THE PROBLEM » Return, from the lines below, each one that includes the word "NOTDEFINED".
##### RECORDS SHOWN #####
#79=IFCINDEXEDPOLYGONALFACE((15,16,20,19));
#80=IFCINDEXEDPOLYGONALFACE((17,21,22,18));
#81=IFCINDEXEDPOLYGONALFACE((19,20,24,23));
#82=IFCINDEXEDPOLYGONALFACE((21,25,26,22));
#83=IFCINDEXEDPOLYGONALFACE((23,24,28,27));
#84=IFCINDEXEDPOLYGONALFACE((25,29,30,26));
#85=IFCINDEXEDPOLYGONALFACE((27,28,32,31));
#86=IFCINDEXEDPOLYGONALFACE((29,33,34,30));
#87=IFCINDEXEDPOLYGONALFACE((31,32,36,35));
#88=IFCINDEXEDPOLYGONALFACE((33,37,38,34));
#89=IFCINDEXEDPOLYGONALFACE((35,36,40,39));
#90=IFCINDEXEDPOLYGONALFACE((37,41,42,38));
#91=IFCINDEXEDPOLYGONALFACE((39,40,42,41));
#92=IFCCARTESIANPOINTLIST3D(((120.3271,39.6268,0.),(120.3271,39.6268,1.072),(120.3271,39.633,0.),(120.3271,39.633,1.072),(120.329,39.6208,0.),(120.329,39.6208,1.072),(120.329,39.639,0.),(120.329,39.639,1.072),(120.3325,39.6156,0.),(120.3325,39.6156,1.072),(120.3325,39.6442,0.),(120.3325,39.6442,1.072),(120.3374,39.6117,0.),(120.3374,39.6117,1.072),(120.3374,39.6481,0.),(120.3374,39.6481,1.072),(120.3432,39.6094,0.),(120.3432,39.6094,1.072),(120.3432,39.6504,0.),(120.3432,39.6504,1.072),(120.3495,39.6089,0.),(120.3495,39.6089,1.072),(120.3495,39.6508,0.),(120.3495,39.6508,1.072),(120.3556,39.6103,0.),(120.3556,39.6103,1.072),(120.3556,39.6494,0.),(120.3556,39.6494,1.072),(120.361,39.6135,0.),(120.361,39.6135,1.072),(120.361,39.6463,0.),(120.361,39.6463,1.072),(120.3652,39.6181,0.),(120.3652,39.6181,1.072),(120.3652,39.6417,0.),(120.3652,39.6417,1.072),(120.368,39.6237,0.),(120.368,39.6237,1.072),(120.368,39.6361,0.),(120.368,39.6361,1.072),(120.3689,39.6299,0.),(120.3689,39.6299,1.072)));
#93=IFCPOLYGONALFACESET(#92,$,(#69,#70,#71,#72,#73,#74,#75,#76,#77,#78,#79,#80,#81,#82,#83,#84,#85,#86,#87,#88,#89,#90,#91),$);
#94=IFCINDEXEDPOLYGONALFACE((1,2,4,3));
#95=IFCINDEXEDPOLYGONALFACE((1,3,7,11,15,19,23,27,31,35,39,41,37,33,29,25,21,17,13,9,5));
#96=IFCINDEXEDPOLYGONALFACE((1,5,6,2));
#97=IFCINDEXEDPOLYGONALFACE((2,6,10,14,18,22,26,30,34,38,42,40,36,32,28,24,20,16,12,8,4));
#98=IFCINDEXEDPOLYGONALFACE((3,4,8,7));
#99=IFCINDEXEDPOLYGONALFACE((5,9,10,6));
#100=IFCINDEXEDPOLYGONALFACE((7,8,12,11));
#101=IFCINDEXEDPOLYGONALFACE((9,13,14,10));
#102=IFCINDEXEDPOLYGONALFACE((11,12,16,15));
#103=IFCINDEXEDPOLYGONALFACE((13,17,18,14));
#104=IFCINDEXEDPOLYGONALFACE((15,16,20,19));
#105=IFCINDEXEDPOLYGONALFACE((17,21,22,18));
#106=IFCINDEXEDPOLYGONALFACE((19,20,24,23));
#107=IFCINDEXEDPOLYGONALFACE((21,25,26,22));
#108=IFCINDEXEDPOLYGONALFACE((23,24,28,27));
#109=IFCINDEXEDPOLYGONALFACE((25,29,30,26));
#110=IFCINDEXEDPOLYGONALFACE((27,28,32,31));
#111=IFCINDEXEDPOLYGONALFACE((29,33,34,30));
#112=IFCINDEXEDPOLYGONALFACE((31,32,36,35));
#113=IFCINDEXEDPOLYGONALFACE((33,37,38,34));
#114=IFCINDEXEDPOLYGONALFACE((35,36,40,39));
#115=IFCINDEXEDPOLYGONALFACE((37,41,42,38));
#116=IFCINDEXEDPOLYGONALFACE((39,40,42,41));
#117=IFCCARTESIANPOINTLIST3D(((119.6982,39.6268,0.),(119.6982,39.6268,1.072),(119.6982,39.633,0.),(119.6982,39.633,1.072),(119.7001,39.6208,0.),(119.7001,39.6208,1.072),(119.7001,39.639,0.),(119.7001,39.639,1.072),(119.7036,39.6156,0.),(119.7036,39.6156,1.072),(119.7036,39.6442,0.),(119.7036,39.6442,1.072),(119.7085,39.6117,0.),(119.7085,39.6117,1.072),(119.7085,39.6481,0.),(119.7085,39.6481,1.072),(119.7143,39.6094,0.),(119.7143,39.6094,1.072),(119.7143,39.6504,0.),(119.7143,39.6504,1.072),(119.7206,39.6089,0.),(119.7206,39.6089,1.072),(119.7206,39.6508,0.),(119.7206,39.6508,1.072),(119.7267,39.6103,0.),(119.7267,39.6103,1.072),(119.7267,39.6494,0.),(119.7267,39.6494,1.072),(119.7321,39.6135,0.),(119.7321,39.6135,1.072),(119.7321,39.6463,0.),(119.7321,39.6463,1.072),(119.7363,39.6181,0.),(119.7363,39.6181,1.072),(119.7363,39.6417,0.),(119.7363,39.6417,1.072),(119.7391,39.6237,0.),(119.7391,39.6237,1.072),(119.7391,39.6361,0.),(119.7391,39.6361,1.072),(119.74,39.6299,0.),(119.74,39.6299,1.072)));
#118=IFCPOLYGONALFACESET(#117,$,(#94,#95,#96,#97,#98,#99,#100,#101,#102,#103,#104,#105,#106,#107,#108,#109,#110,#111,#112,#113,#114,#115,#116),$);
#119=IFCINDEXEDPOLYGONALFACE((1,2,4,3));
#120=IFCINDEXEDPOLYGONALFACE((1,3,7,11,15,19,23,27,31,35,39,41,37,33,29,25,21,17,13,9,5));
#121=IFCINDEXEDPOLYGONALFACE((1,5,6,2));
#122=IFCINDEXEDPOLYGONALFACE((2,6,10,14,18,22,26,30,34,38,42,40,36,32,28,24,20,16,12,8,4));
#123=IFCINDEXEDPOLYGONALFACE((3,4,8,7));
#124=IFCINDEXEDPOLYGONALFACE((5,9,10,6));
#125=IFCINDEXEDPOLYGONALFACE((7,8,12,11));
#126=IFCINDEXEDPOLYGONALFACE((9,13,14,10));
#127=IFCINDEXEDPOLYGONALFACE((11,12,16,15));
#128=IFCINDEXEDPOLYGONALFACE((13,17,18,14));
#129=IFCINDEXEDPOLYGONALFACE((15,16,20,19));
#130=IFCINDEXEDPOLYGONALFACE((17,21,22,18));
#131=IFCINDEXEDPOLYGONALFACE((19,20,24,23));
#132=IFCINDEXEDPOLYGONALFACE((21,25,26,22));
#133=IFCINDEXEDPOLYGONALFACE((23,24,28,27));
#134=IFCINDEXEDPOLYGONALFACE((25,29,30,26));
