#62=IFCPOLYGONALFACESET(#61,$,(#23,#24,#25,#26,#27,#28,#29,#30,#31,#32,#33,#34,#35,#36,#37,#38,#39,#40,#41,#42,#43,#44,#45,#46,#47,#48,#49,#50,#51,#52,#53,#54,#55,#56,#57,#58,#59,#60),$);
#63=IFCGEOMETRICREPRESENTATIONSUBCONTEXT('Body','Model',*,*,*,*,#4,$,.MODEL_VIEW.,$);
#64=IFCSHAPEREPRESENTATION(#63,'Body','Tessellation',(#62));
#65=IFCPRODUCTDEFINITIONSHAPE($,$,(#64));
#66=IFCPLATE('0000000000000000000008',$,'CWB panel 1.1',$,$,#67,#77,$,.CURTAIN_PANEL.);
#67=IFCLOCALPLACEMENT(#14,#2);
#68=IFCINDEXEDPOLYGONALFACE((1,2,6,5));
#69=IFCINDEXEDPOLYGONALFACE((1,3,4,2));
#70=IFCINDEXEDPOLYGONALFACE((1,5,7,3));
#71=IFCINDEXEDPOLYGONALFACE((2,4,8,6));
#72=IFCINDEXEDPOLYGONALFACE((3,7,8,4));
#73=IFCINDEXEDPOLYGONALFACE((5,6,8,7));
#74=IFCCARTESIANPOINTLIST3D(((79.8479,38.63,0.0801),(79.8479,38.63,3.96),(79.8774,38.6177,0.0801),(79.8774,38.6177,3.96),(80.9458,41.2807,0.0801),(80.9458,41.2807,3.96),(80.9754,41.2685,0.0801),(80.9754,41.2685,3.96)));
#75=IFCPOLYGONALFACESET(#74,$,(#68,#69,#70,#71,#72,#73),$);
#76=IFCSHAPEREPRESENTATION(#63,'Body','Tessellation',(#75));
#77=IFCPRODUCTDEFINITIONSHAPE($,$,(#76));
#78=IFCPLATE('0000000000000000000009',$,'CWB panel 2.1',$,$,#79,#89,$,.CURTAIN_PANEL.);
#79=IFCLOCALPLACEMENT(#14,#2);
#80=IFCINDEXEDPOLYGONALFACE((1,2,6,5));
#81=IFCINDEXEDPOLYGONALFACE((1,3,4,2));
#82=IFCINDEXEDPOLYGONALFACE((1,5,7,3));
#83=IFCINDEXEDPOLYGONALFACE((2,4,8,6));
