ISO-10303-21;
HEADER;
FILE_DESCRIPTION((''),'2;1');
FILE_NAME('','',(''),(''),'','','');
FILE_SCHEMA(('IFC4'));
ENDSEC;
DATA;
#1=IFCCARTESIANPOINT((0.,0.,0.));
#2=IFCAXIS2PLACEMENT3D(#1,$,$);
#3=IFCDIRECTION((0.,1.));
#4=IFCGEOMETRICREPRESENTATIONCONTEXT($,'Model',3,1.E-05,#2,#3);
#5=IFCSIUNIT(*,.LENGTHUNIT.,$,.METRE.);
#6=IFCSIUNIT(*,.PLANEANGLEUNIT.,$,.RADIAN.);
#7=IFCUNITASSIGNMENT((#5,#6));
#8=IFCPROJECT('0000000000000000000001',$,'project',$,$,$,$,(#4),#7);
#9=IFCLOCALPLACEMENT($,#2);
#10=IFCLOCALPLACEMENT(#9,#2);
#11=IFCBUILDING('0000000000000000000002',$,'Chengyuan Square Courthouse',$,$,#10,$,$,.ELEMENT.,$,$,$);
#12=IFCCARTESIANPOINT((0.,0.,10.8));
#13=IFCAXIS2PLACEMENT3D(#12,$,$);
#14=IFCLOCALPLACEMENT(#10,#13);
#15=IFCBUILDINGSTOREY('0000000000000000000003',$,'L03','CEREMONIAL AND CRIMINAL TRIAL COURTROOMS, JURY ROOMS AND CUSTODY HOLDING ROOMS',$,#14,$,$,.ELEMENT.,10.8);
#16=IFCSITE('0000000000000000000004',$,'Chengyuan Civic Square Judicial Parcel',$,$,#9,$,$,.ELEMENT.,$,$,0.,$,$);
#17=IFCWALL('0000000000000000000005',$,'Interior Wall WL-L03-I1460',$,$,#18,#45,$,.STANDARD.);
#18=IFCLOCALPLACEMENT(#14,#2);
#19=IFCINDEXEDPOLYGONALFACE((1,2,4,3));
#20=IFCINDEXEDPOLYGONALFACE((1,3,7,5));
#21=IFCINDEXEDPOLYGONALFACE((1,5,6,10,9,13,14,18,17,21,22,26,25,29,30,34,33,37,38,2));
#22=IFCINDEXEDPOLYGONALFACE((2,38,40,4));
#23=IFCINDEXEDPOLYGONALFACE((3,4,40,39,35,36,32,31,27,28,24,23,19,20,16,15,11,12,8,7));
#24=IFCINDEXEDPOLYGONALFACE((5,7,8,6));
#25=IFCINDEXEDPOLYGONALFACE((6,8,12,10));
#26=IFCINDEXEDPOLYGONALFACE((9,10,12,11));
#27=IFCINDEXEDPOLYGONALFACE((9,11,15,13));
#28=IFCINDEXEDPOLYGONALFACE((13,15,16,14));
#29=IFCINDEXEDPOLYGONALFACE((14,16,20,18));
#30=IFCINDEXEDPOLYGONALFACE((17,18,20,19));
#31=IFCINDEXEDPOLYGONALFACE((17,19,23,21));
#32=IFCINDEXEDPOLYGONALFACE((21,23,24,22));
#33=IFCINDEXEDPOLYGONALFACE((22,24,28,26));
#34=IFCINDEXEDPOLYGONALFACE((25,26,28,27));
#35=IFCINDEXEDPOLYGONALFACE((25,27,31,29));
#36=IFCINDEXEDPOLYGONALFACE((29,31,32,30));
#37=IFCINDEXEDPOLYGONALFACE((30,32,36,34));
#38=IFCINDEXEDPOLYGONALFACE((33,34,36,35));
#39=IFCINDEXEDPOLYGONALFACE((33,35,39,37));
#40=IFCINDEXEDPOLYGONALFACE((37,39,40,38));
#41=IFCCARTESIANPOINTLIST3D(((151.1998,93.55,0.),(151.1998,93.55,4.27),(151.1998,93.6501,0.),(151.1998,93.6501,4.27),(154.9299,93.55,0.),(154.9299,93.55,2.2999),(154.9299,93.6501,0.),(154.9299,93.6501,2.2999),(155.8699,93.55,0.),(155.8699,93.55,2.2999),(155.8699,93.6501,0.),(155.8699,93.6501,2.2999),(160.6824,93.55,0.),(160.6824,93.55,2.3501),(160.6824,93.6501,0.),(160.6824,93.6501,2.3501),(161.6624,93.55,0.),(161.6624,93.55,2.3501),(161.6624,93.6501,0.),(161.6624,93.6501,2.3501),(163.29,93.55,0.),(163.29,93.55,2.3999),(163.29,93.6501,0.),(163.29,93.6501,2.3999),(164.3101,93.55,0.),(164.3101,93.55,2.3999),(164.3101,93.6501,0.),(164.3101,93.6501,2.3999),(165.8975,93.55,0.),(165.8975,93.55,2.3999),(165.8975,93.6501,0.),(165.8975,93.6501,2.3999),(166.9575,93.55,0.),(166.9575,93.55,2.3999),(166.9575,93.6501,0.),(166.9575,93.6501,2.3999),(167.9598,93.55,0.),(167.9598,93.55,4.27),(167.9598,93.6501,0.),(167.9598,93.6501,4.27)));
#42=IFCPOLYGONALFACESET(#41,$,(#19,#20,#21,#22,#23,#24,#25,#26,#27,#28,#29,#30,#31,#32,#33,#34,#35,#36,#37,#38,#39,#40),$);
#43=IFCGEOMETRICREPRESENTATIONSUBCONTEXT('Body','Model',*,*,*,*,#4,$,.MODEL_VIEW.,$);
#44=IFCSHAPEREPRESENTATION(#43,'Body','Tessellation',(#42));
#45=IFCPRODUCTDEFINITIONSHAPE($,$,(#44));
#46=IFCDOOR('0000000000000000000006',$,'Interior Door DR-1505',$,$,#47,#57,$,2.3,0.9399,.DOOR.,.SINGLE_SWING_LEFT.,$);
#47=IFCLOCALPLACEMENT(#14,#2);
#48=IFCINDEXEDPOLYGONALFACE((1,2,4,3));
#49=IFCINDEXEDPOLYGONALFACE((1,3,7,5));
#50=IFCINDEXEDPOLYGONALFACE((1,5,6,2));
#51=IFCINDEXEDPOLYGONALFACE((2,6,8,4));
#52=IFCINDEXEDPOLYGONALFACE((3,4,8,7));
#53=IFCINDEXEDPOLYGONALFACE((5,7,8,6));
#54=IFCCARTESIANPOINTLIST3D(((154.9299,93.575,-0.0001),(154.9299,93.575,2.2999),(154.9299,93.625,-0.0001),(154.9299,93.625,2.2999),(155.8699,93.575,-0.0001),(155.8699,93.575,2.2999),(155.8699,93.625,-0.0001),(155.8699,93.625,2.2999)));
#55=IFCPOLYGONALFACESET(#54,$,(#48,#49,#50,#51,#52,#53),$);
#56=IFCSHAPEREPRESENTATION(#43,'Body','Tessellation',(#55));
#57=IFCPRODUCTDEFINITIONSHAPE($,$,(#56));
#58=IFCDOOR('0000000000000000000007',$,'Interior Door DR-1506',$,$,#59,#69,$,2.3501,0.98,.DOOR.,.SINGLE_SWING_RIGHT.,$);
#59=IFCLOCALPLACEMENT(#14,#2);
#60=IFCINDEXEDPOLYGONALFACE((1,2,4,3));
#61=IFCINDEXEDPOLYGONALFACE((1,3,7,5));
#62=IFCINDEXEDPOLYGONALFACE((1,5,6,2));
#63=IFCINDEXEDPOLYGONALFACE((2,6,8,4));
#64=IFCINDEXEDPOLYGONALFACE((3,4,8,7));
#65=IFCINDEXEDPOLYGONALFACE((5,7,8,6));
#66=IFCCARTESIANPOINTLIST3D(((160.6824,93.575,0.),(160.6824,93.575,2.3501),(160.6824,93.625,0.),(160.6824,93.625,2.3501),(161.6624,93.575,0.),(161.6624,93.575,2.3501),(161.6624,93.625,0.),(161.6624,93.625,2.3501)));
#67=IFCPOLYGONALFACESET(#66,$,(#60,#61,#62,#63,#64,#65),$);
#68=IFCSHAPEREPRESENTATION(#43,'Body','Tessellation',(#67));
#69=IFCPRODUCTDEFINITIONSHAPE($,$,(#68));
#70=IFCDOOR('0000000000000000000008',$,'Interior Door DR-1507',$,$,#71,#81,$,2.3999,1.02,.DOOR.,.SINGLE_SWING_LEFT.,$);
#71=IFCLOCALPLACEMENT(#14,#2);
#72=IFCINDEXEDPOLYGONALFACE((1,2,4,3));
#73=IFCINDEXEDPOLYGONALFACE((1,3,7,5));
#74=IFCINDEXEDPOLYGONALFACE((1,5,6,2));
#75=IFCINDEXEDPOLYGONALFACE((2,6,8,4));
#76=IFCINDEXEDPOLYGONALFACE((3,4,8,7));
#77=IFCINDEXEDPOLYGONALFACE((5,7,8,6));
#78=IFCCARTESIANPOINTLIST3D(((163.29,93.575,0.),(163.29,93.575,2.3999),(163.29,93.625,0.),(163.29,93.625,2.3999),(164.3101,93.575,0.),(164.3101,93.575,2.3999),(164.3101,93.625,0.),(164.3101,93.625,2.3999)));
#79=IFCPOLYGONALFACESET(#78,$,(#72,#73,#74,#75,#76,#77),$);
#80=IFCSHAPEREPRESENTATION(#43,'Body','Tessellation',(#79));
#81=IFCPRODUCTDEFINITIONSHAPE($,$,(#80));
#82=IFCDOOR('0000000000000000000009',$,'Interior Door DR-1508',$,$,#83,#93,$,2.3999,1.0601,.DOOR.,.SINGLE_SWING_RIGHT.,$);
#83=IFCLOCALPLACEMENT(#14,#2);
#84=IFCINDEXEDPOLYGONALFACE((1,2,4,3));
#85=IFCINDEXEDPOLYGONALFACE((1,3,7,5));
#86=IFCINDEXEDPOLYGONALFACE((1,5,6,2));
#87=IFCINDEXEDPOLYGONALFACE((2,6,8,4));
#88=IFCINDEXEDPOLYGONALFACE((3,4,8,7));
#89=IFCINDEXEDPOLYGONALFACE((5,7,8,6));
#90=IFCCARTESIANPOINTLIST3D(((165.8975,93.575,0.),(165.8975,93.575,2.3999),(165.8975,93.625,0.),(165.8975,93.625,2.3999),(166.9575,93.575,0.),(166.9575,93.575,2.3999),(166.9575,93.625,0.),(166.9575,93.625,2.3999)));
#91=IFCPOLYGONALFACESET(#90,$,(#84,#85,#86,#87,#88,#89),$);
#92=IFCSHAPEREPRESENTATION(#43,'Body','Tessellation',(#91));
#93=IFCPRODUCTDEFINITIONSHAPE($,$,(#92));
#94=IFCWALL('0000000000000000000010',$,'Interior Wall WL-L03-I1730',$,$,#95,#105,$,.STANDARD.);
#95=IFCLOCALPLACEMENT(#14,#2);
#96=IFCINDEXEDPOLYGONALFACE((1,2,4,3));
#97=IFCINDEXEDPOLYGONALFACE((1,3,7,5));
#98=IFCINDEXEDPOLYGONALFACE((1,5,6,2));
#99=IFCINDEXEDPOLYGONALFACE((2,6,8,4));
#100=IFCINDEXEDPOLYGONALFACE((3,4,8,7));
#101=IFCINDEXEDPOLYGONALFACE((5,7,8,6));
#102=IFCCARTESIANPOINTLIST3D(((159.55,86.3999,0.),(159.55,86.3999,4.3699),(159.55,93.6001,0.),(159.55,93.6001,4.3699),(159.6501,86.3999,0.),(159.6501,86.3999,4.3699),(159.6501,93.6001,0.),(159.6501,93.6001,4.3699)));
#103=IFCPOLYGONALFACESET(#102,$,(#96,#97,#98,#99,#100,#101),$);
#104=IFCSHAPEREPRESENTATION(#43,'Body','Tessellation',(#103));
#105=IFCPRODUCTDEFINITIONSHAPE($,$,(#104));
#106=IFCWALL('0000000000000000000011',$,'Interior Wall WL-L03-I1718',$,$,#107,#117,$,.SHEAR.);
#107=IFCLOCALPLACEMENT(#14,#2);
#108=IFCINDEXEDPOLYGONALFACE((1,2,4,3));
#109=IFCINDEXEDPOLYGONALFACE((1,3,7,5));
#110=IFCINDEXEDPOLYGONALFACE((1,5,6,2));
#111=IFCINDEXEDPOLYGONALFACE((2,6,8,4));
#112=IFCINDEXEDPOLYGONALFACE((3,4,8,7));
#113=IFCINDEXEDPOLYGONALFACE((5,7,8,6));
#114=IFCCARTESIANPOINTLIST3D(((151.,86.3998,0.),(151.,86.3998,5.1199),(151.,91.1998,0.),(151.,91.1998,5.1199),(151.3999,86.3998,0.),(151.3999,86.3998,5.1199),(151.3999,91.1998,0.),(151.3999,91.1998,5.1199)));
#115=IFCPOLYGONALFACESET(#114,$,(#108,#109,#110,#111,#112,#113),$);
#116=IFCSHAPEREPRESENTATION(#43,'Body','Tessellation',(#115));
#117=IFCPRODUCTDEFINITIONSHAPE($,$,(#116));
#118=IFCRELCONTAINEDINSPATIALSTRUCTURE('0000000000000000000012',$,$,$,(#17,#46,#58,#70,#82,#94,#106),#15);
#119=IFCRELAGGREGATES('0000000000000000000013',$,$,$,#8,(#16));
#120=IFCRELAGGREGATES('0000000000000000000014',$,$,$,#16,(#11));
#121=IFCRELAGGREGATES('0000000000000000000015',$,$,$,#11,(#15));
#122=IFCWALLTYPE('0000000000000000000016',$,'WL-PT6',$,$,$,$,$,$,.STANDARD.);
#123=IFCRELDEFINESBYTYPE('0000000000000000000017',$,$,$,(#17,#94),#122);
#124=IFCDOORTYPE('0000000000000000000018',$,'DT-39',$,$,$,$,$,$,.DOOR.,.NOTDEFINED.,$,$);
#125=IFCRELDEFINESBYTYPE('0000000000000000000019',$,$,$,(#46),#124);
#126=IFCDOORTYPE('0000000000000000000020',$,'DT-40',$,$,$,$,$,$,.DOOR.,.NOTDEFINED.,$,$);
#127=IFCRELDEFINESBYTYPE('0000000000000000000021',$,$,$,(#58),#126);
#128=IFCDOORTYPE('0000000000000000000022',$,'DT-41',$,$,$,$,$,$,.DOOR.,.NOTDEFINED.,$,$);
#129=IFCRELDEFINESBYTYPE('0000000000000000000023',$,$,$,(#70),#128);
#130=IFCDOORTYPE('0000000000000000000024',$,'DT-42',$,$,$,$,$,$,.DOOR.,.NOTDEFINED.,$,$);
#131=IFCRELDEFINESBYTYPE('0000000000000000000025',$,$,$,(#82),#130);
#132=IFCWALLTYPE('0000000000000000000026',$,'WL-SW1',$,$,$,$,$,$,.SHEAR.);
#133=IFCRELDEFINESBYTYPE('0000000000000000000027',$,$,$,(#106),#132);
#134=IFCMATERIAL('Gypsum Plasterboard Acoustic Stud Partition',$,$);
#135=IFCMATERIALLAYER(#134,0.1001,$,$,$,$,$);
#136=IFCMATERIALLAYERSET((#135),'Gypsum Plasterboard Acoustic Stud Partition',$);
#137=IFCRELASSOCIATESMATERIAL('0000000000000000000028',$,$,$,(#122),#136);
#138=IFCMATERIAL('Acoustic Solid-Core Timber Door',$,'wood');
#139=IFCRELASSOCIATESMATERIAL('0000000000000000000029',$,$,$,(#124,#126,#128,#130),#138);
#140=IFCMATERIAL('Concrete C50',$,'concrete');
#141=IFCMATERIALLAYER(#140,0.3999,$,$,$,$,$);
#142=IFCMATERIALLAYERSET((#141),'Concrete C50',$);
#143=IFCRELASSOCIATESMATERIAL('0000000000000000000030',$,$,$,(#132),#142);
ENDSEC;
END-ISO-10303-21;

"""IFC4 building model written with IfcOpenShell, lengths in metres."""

from ifc_helpers import new_model, si_unit, direction, frame, frame_2d, origin, place, context, subcontext, project, spatial, rectangle, extrude, material, layer, layer_set, type_object, element, fill, save


model = new_model("IFC4")

# Units and contexts
model_context = context("Model", 3, precision=1e-05, world=origin(), true_north=direction((0.0, 1.0)))
body_context = subcontext(model_context, "Body", "Model", "MODEL_VIEW")
ifc_project = project(units=[si_unit("LENGTHUNIT", "METRE"), si_unit("PLANEANGLEUNIT", "RADIAN")], contexts=[model_context])

# Site, building, storey
site_placement = place(None, origin())
site = spatial("IfcSite", under=ifc_project, at=site_placement, Name="Chengyuan Civic Square Judicial Parcel", CompositionType="ELEMENT", RefElevation=0.0)
building_placement = place(site_placement, origin())
building = spatial("IfcBuilding", under=site, at=building_placement, Name="Chengyuan Square Courthouse", CompositionType="ELEMENT")
storey_placement = place(building_placement, frame((0.0, 0.0, 10.8)))
storey = spatial("IfcBuildingStorey", under=building, at=storey_placement, Name="L03", Description="CEREMONIAL AND CRIMINAL TRIAL COURTROOMS, JURY ROOMS AND CUSTODY HOLDING ROOMS", CompositionType="ELEMENT", Elevation=10.8)

# Shared definitions
ifc_material_1 = material(Name="Concrete C50", Category="concrete")

# Wall, openings, doors
ifc_material_2 = material(Name="Gypsum Plasterboard Acoustic Stud Partition")
ifc_layer_1 = layer(ifc_material_2, 0.1001)
ifc_layer_set_1 = layer_set([ifc_layer_1], Name="Gypsum Plasterboard Acoustic Stud Partition")
wall_type_1 = type_object("IfcWallType", Name="WL-PT6", PredefinedType="STANDARD", material=ifc_layer_set_1)
wall_1_placement = place(storey_placement, frame((151.2, 93.6001, 0.0), z_axis=(0.0, 0.0, 1.0), x_axis=(1.0, 0.0, 0.0)))
wall_1 = element("IfcWall", 1, at=wall_1_placement, inside=storey, type_object=wall_type_1, Name="Interior Wall WL-L03-I1460", PredefinedType="STANDARD", context=body_context, shape_type="SweptSolid", body=[
    extrude(rectangle(XDim=16.76, YDim=0.1001, at=frame_2d((8.3799, 0.0))), origin(), (0.0, 0.0, 1.0), 4.27),
])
#####
OUTPUT »
#124=IFCDOORTYPE('0000000000000000000018',$,'DT-39',$,$,$,$,$,$,.DOOR.,.NOTDEFINED.,$,$);
#126=IFCDOORTYPE('0000000000000000000020',$,'DT-40',$,$,$,$,$,$,.DOOR.,.NOTDEFINED.,$,$);
#128=IFCDOORTYPE('0000000000000000000022',$,'DT-41',$,$,$,$,$,$,.DOOR.,.NOTDEFINED.,$,$);
#130=IFCDOORTYPE('0000000000000000000024',$,'DT-42',$,$,$,$,$,$,.DOOR.,.NOTDEFINED.,$,$);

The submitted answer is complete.